WHAT YOU ARE ASKED TO DO -> Copy, word for word, each line of the data below from the first through the line containing "#34=IFCINDEXEDPOLYGONALFACE((14,16,37,35));", and stop there.

RECORDS FOR THIS EXERCISE ->
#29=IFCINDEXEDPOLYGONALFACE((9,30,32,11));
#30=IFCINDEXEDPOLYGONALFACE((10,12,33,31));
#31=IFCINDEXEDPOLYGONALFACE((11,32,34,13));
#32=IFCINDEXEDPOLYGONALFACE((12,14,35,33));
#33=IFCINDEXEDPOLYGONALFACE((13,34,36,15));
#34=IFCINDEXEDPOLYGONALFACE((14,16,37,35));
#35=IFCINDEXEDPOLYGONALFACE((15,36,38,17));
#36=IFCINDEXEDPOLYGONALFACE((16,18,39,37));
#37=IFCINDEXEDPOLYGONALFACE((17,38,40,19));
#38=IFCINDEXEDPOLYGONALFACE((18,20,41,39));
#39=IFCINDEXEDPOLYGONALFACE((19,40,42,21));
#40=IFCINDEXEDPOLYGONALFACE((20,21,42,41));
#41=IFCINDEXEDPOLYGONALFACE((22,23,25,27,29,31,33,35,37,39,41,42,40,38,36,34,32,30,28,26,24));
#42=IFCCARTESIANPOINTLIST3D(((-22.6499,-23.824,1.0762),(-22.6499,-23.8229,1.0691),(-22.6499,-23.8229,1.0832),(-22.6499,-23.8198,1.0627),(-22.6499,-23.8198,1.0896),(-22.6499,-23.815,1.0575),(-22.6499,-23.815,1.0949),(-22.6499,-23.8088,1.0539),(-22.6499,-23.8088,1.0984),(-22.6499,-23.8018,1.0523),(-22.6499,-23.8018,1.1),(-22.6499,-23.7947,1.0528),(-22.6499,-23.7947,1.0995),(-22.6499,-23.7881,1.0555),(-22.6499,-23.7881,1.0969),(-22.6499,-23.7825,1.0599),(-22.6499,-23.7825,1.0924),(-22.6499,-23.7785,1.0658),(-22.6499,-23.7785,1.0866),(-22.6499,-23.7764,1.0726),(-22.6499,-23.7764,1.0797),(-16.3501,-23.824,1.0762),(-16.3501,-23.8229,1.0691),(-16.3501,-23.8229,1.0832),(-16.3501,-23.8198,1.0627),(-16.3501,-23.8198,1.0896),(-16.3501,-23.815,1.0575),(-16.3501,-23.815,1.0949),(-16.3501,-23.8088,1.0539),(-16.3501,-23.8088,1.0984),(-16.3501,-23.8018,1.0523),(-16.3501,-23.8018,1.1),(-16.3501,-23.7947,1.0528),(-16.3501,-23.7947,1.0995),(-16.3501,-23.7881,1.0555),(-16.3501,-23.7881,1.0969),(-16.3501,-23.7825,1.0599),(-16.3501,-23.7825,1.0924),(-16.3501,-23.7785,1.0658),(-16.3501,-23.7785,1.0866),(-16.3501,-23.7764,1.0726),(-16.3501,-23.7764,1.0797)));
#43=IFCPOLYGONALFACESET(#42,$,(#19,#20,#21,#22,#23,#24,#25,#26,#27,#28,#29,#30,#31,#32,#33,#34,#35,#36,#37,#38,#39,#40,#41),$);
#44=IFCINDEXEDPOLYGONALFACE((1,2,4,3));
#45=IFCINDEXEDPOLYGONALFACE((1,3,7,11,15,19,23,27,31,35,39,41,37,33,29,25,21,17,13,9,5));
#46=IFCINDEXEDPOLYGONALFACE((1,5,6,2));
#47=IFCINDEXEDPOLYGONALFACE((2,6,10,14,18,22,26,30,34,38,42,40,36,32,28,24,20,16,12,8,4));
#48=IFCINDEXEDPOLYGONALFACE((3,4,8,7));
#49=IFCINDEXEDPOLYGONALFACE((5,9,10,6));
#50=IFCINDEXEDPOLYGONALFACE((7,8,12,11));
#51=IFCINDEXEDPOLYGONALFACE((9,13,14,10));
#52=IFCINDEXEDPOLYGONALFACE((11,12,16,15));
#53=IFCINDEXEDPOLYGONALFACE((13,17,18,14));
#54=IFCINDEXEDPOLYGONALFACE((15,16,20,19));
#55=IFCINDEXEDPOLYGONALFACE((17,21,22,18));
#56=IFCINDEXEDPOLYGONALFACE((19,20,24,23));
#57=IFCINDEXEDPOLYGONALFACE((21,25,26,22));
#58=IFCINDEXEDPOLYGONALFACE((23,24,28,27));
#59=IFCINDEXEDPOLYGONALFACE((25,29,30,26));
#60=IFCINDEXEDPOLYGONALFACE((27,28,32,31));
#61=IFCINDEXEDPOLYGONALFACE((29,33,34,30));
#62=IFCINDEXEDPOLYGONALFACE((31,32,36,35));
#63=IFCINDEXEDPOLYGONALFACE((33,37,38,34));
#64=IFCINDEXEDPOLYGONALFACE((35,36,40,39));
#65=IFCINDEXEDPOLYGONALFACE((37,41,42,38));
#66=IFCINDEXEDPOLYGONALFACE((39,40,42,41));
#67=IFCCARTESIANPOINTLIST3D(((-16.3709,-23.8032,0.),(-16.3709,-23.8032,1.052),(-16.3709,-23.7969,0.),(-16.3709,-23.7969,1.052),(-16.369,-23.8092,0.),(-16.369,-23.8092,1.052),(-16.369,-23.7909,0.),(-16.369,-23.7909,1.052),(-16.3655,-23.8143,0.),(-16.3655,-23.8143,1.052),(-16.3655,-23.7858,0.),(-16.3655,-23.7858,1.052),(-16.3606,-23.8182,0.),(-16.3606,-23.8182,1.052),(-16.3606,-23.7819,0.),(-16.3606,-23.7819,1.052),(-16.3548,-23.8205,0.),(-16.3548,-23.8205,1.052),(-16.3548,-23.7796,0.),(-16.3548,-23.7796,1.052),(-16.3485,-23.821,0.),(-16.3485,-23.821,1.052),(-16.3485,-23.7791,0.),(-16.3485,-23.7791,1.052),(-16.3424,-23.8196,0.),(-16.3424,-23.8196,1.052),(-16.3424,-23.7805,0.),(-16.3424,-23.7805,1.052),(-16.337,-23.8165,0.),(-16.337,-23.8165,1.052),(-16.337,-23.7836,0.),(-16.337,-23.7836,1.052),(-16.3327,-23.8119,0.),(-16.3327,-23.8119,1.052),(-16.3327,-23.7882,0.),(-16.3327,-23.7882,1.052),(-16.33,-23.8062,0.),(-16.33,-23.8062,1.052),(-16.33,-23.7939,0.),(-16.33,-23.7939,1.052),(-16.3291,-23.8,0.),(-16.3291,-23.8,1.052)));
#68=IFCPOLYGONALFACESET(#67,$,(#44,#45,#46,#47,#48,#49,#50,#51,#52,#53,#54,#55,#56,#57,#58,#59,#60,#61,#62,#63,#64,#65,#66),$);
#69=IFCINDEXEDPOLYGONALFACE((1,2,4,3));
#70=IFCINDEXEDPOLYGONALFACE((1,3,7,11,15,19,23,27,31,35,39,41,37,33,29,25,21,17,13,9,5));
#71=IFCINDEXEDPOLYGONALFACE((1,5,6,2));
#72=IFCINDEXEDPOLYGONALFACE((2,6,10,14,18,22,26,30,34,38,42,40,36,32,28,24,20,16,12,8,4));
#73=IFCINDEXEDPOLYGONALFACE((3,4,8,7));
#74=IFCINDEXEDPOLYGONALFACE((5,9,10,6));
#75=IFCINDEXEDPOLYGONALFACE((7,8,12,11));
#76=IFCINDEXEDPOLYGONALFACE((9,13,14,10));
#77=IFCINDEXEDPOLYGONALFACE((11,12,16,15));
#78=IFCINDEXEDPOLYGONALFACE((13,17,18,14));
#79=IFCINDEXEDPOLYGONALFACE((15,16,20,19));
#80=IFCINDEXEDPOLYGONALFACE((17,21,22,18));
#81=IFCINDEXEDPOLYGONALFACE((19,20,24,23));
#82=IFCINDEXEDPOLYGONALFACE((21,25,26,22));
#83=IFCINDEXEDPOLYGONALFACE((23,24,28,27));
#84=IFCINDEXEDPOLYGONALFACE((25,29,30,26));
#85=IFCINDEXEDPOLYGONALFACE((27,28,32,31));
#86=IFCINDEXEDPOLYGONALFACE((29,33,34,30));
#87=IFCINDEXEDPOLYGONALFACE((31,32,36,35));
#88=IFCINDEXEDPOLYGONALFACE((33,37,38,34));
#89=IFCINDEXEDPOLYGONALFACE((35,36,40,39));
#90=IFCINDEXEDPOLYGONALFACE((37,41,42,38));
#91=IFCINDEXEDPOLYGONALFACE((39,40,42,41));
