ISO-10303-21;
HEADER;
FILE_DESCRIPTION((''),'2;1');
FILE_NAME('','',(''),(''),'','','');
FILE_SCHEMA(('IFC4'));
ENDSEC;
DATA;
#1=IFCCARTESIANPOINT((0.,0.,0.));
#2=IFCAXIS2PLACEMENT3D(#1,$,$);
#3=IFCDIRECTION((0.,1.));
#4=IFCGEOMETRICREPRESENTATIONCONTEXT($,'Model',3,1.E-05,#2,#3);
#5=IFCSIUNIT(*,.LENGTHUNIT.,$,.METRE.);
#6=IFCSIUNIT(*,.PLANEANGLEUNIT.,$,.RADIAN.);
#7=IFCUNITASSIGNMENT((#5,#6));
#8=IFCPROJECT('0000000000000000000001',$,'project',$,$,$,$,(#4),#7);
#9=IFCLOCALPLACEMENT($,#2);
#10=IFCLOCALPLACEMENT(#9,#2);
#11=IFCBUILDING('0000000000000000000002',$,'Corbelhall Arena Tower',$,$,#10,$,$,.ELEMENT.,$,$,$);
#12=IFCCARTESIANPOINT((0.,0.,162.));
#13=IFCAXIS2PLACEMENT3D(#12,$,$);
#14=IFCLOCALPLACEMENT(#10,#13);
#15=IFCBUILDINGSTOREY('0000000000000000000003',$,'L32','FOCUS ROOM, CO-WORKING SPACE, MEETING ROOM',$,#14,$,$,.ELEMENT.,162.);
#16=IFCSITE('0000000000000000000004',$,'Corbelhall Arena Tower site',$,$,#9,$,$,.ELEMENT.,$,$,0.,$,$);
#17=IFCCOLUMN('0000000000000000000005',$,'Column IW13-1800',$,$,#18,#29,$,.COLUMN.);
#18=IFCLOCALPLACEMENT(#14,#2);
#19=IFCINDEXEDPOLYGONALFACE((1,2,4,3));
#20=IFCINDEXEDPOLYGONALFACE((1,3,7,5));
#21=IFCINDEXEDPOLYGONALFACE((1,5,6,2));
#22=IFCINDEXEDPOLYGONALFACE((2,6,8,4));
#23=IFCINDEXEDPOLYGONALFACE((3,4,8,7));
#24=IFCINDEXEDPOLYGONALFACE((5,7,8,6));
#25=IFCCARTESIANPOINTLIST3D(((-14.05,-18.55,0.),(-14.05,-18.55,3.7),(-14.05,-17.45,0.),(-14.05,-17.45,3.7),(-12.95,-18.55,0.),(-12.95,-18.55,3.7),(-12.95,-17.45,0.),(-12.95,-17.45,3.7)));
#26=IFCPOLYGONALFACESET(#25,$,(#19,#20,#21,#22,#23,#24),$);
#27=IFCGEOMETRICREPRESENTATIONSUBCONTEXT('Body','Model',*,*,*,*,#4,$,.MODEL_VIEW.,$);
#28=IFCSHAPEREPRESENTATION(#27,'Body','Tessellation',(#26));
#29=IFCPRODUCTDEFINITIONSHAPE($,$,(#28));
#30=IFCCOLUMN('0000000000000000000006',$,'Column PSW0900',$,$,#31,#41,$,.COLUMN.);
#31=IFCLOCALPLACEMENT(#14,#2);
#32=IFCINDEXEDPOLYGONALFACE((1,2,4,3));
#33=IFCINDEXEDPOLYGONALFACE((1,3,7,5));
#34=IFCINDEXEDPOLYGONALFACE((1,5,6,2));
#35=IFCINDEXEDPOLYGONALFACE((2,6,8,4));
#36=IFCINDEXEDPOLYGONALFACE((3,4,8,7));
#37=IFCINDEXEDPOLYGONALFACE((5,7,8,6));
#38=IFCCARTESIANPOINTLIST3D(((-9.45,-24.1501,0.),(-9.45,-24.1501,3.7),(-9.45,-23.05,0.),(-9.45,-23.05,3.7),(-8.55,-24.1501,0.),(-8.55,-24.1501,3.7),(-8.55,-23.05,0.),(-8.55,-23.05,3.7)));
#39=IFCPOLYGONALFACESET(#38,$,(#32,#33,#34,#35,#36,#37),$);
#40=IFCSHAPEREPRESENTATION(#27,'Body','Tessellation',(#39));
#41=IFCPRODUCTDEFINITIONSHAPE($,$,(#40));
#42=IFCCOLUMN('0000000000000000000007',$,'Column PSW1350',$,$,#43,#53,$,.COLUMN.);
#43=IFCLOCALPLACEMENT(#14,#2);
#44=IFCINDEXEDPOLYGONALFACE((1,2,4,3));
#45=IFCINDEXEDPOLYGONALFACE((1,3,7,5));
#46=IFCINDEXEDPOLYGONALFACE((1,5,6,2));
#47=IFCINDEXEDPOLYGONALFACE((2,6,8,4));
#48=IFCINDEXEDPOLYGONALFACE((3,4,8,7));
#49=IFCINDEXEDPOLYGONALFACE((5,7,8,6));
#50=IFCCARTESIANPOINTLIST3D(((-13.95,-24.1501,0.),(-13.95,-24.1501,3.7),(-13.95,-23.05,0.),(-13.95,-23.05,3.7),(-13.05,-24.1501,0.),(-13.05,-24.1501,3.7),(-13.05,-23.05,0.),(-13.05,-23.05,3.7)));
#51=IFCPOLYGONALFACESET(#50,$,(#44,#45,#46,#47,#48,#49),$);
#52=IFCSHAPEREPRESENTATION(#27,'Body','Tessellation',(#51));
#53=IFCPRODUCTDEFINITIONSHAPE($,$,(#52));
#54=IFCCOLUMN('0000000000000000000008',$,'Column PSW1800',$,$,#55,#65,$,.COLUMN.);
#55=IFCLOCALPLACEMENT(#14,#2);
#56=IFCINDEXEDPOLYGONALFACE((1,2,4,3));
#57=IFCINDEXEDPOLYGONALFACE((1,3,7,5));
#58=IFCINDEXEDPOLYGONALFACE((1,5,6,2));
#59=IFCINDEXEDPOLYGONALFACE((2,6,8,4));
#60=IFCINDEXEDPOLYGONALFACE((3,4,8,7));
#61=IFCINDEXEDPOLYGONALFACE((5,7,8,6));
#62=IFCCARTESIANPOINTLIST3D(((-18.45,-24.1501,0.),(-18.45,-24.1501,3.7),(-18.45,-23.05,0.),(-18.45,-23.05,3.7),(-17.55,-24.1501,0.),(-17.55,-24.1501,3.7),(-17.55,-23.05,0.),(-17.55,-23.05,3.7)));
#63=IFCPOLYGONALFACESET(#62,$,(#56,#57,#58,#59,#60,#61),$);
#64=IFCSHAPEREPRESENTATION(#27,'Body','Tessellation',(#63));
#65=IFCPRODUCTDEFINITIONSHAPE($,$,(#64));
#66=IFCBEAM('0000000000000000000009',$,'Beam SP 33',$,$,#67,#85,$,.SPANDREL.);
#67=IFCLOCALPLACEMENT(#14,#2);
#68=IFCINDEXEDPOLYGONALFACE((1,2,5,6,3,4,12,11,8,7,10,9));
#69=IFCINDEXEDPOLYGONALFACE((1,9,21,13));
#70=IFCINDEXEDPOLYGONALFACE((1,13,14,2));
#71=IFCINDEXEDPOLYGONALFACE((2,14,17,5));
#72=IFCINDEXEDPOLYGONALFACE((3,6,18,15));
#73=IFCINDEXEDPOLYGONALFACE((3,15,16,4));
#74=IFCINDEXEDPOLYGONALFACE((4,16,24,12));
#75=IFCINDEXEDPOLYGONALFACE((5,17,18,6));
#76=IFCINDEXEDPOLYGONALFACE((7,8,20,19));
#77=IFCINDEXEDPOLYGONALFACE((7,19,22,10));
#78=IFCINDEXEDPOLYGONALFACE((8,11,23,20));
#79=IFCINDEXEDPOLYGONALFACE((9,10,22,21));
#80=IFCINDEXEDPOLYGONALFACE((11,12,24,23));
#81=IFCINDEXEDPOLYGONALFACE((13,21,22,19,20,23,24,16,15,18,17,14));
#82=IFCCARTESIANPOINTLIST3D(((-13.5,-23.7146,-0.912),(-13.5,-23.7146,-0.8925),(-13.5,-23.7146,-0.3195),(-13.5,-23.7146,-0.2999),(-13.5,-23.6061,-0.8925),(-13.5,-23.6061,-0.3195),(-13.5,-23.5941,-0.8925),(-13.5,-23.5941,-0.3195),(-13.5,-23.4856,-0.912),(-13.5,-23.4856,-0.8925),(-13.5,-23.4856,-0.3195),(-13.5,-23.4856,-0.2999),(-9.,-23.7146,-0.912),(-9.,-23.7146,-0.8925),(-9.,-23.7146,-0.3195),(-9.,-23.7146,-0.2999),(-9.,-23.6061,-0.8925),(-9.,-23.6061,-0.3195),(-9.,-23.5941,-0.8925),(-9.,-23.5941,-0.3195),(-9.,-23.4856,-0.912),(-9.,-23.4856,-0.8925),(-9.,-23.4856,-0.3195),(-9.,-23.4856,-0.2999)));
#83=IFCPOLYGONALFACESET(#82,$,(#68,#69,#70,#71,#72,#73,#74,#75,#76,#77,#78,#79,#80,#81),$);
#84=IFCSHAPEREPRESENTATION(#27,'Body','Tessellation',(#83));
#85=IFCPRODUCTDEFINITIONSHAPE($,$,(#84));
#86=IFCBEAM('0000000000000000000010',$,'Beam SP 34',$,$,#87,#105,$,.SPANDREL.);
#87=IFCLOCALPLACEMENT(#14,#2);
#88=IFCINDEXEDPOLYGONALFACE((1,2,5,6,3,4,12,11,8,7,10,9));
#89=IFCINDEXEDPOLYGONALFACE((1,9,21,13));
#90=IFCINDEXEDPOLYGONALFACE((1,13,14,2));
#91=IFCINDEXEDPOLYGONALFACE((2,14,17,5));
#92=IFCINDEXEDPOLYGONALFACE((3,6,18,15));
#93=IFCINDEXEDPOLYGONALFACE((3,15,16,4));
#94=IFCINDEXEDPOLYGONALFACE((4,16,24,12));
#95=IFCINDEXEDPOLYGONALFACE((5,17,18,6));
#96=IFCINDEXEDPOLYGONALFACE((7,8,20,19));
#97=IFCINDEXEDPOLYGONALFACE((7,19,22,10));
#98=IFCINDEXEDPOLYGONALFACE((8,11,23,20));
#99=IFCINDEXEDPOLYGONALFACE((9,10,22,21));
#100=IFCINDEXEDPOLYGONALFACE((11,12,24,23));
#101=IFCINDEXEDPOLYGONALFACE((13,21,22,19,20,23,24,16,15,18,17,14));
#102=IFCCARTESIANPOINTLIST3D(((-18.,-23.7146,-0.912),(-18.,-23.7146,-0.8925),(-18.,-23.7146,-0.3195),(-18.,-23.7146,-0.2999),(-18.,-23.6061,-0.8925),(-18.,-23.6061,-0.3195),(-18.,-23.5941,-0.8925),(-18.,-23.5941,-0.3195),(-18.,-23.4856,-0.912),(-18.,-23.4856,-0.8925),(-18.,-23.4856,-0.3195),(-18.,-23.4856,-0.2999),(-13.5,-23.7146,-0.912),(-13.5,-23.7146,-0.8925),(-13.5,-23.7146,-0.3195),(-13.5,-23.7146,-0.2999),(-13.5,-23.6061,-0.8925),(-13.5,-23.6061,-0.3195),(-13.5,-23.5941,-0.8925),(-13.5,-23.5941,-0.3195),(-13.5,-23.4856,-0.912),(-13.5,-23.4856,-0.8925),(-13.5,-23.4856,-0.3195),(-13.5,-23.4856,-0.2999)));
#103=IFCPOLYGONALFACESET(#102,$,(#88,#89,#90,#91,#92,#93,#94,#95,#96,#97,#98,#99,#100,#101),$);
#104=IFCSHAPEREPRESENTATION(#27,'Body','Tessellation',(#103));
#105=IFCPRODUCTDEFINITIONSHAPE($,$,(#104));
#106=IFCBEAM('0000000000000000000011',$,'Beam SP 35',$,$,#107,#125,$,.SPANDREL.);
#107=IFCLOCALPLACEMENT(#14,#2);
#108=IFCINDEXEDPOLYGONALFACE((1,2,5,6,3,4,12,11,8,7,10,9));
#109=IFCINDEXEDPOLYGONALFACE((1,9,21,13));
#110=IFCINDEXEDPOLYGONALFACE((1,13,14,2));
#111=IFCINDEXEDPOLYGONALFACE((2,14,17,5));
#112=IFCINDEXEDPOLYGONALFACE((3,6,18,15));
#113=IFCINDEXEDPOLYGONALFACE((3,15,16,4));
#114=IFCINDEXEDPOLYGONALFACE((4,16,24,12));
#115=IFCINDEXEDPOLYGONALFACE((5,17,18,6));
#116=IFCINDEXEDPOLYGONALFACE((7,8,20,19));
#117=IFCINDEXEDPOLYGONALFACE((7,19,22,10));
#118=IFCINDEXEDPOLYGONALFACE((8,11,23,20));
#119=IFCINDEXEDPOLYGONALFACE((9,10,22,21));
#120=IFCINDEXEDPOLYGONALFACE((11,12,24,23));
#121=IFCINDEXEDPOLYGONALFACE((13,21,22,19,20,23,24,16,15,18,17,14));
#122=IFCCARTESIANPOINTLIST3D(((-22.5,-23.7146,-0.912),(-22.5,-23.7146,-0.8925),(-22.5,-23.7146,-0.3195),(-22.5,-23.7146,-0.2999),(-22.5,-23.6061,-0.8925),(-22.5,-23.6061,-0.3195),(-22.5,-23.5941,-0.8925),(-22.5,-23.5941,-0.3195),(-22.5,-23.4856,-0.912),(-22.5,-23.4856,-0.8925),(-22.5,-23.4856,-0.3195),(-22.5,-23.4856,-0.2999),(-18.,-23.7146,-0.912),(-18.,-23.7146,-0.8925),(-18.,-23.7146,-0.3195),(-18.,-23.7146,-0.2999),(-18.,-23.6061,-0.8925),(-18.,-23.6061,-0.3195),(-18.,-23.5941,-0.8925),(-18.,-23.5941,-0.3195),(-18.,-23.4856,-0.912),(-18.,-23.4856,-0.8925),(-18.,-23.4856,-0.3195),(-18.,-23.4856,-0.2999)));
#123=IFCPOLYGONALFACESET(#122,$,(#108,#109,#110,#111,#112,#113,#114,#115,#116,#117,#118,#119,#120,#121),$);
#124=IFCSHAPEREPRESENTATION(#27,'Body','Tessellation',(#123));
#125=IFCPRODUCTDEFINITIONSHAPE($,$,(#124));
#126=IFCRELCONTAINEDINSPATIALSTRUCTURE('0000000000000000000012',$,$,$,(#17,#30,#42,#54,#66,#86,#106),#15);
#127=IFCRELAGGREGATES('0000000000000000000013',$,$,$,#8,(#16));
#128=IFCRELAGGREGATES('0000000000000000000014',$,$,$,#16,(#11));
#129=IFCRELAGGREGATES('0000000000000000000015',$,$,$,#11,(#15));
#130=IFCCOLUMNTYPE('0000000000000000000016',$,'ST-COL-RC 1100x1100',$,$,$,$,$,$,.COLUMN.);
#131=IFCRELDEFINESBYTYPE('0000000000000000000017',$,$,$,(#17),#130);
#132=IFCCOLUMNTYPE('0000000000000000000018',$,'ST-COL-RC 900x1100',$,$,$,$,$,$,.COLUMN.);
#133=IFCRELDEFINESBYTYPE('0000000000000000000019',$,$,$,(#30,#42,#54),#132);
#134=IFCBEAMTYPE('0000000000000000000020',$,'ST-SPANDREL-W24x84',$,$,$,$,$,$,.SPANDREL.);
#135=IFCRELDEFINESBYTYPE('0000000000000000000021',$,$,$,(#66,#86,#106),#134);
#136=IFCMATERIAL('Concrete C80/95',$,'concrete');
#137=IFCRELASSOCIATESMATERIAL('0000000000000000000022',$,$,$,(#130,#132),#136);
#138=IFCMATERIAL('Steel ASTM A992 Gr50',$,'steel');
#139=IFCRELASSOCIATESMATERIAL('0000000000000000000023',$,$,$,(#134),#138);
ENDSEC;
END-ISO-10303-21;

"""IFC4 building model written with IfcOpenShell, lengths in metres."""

from ifc_helpers import new_model, si_unit, direction, frame, origin, origin_2d, place, context, subcontext, project, spatial, rectangle, i_section, extrude, material, material_profile, profile_set, type_object, element, save


model = new_model("IFC4")

# Units and contexts
model_context = context("Model", 3, precision=1e-05, world=origin(), true_north=direction((0.0, 1.0)))
body_context = subcontext(model_context, "Body", "Model", "MODEL_VIEW")
ifc_project = project(units=[si_unit("LENGTHUNIT", "METRE"), si_unit("PLANEANGLEUNIT", "RADIAN")], contexts=[model_context])

# Site, building, storey
site_placement = place(None, origin())
site = spatial("IfcSite", under=ifc_project, at=site_placement, Name="Corbelhall Arena Tower site", CompositionType="ELEMENT", RefElevation=0.0)
building_placement = place(site_placement, origin())
building = spatial("IfcBuilding", under=site, at=building_placement, Name="Corbelhall Arena Tower", CompositionType="ELEMENT")
storey_placement = place(building_placement, frame((0.0, 0.0, 162.0)))
storey = spatial("IfcBuildingStorey", under=building, at=storey_placement, Name="L32", Description="FOCUS ROOM, CO-WORKING SPACE, MEETING ROOM", CompositionType="ELEMENT", Elevation=162.0)

# Columns
ifc_material_1 = material(Name="Concrete C80/95", Category="concrete")
ifc_material_profile_1 = material_profile(ifc_material_1, rectangle(XDim=1.1001, YDim=1.1001, at=origin_2d()))
ifc_profile_set_1 = profile_set([ifc_material_profile_1], Name="Concrete C80/95")
column_type_1 = type_object("IfcColumnType", Name="ST-COL-RC 1100x1100", PredefinedType="COLUMN", material=ifc_profile_set_1)
column_placement = place(storey_placement, frame((-13.5, -18.0, 0.0), z_axis=(0.0, 0.0, 1.0), x_axis=(1.0, 0.0, 0.0)))
element("IfcColumn", 1, at=column_placement, inside=storey, type_object=column_type_1, Name="Column IW13-1800", PredefinedType="COLUMN", context=body_context, shape_type="SweptSolid", body=[
    extrude(rectangle(XDim=1.1001, YDim=1.1001, at=origin_2d()), origin(), (0.0, 0.0, 1.0), 3.7),
])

COMPLETED TASK ->
#29=IFCINDEXEDPOLYGONALFACE((9,30,32,11));
#30=IFCINDEXEDPOLYGONALFACE((10,12,33,31));
#31=IFCINDEXEDPOLYGONALFACE((11,32,34,13));
#32=IFCINDEXEDPOLYGONALFACE((12,14,35,33));
#33=IFCINDEXEDPOLYGONALFACE((13,34,36,15));
#34=IFCINDEXEDPOLYGONALFACE((14,16,37,35));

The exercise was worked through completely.